▸ Work item
Repeat the stretch of entries below from the line with "#111=IFCINDEXEDPOLYGONALFACE((42,54,56,44));" through the line with "#122=IFCINDEXEDPOLYGONALFACE((65,73,75,67));". Include both ends and add nothing.

▸ Given information

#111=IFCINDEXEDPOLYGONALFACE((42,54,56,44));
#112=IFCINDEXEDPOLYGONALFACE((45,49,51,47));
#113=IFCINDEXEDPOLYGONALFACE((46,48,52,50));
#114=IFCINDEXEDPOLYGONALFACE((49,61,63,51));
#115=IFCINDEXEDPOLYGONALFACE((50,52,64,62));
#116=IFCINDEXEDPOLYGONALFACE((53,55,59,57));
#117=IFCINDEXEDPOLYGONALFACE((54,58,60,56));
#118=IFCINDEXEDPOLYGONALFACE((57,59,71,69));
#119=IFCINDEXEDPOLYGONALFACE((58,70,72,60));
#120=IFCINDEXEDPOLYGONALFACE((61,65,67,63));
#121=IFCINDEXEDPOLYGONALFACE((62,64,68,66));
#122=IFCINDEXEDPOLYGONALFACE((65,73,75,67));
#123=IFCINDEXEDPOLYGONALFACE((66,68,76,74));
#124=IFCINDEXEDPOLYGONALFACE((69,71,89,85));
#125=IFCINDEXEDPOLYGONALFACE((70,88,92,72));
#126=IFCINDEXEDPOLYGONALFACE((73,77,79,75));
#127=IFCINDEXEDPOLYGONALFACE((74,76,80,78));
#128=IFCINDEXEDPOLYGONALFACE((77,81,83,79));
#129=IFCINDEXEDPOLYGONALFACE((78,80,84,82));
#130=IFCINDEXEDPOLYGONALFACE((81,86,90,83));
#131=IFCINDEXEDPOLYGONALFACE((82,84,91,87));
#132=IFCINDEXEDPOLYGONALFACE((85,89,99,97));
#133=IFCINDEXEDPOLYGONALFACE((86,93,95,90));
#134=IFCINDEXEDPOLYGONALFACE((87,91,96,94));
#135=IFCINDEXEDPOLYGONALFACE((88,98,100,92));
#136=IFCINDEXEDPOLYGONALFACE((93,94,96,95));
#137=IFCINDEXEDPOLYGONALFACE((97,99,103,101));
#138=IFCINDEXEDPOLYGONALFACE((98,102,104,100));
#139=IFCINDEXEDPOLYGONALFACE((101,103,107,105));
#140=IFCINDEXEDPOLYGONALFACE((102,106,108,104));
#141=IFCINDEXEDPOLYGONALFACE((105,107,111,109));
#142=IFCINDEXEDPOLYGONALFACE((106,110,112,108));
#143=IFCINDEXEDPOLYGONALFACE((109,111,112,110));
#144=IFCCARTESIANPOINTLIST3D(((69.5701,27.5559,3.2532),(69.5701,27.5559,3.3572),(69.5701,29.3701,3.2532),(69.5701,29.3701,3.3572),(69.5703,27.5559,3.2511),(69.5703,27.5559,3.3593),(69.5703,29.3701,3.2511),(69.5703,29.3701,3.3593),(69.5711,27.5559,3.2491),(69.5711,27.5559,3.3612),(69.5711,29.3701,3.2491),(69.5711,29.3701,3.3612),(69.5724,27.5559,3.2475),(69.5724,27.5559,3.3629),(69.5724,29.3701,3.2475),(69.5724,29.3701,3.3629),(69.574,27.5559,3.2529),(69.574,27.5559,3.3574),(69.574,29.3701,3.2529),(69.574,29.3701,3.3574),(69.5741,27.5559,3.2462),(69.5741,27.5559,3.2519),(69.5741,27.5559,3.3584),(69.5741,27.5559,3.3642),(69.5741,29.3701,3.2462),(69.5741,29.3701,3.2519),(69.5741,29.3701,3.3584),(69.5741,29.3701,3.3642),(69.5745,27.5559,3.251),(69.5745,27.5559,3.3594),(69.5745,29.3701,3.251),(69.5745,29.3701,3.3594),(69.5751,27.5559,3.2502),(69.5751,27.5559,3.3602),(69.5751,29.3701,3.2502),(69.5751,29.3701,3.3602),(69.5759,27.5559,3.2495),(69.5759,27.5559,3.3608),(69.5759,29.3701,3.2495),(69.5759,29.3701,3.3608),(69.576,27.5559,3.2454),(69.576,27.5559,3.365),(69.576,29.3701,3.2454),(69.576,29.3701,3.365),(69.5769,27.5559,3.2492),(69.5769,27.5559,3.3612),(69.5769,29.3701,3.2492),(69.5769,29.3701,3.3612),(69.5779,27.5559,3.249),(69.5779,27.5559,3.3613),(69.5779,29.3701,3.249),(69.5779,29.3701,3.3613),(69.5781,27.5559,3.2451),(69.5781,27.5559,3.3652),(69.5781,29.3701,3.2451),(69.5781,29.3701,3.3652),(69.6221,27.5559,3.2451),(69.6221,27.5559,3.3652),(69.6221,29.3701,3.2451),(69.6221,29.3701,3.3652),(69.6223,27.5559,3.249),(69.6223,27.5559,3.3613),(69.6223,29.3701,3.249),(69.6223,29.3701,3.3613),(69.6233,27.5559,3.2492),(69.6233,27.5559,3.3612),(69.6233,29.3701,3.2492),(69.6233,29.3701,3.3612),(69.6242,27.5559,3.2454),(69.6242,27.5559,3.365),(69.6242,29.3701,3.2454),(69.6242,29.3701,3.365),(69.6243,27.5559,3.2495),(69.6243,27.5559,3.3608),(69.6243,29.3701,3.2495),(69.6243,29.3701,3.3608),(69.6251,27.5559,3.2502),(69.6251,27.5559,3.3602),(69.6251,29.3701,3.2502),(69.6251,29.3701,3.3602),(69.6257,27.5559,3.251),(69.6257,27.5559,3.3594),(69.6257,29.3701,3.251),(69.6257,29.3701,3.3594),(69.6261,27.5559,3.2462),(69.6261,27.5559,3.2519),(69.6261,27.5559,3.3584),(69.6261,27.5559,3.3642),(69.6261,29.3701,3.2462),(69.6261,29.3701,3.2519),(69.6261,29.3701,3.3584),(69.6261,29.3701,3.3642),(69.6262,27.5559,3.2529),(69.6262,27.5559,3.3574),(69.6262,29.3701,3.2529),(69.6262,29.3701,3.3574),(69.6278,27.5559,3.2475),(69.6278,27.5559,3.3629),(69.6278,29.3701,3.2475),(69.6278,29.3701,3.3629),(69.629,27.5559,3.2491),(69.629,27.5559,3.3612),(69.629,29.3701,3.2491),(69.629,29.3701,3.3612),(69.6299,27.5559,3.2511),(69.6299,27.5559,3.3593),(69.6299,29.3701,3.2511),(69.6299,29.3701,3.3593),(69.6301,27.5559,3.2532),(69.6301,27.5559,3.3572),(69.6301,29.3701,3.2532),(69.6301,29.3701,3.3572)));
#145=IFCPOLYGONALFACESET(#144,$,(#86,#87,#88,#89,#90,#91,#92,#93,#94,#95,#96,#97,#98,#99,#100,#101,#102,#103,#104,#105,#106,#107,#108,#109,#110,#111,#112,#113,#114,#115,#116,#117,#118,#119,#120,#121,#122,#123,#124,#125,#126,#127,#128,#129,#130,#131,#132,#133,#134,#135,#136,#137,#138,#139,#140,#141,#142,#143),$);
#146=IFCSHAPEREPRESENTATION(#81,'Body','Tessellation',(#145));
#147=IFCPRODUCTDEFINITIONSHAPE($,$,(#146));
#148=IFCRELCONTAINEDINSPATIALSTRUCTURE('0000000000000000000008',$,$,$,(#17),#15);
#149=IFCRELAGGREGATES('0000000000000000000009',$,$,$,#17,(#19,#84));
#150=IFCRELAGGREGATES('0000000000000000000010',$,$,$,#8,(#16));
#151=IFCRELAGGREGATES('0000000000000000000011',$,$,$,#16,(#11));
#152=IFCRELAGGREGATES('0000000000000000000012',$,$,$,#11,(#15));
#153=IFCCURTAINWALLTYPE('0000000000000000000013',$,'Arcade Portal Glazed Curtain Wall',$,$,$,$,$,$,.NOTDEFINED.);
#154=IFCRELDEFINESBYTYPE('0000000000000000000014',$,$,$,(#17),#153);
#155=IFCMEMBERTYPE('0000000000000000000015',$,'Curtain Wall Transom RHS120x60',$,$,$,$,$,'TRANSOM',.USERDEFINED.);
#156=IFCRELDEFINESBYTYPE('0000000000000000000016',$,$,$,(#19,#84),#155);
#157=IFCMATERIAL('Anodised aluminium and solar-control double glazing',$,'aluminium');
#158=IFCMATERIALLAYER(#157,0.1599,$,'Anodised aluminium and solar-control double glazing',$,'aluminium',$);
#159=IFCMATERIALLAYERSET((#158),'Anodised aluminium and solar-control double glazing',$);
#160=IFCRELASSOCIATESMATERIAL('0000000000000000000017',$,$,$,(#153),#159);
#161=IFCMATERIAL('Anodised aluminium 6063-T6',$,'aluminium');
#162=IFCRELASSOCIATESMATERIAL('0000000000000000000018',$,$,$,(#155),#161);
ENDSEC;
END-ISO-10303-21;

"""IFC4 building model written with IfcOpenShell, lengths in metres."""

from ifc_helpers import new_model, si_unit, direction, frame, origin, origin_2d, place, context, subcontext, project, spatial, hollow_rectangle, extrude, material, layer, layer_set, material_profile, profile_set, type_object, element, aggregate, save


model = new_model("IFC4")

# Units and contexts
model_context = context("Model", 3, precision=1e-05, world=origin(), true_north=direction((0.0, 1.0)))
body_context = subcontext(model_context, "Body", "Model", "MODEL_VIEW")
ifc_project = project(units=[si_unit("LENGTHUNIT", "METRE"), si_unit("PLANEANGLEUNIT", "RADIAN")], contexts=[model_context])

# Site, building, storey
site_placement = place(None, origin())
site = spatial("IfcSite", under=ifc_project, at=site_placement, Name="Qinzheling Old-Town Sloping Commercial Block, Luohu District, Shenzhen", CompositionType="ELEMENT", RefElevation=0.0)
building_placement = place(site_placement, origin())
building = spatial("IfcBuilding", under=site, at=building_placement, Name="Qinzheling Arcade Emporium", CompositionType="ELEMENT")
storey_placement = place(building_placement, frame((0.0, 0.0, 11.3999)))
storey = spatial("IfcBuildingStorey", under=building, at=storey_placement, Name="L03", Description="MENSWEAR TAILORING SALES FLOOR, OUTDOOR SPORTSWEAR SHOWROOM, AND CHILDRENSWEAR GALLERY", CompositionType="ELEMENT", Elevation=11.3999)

==

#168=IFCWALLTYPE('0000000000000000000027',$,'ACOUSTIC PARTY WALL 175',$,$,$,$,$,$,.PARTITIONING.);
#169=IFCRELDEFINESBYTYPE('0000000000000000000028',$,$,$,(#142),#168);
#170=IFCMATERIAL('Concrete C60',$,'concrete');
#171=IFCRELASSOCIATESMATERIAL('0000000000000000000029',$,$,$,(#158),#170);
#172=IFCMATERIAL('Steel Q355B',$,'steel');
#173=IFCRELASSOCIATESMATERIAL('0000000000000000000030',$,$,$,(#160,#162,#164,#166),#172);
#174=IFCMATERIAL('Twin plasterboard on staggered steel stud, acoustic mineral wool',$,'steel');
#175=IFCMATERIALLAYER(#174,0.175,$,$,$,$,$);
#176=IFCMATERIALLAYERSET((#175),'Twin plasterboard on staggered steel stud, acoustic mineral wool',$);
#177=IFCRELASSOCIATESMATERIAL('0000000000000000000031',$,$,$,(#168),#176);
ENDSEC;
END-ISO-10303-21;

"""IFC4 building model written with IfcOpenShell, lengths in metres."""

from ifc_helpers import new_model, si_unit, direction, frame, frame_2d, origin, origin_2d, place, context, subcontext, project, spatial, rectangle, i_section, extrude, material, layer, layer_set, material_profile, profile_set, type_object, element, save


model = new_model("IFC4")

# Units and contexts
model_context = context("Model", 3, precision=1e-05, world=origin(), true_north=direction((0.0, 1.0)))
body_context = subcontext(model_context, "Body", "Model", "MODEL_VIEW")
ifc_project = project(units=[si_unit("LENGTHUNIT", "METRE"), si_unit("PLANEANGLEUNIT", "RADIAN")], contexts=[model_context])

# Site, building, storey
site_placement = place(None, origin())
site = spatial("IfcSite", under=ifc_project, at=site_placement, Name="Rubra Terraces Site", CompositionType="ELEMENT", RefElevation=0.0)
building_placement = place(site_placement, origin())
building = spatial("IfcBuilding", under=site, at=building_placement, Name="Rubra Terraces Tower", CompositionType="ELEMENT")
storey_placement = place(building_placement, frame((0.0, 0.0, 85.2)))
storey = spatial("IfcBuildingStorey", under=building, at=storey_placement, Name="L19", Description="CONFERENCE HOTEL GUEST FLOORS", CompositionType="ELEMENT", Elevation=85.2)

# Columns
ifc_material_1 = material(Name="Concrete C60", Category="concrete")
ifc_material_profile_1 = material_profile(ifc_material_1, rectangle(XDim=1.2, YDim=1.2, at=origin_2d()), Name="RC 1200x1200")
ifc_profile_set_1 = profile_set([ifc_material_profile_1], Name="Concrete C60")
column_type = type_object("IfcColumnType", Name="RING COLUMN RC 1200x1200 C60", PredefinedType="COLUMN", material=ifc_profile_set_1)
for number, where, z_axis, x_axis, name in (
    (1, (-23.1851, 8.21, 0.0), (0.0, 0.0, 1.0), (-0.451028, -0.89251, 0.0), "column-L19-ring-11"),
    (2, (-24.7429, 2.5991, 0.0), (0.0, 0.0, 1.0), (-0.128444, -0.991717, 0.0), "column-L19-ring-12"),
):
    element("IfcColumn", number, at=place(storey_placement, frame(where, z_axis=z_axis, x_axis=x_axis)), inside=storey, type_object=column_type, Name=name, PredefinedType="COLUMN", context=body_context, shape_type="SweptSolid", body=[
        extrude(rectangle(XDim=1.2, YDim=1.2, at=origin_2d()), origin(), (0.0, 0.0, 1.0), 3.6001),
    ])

▸ Exercise answer
#111=IFCINDEXEDPOLYGONALFACE((42,54,56,44));
#112=IFCINDEXEDPOLYGONALFACE((45,49,51,47));
#113=IFCINDEXEDPOLYGONALFACE((46,48,52,50));
#114=IFCINDEXEDPOLYGONALFACE((49,61,63,51));
#115=IFCINDEXEDPOLYGONALFACE((50,52,64,62));
#116=IFCINDEXEDPOLYGONALFACE((53,55,59,57));
#117=IFCINDEXEDPOLYGONALFACE((54,58,60,56));
#118=IFCINDEXEDPOLYGONALFACE((57,59,71,69));
#119=IFCINDEXEDPOLYGONALFACE((58,70,72,60));
#120=IFCINDEXEDPOLYGONALFACE((61,65,67,63));
#121=IFCINDEXEDPOLYGONALFACE((62,64,68,66));
#122=IFCINDEXEDPOLYGONALFACE((65,73,75,67));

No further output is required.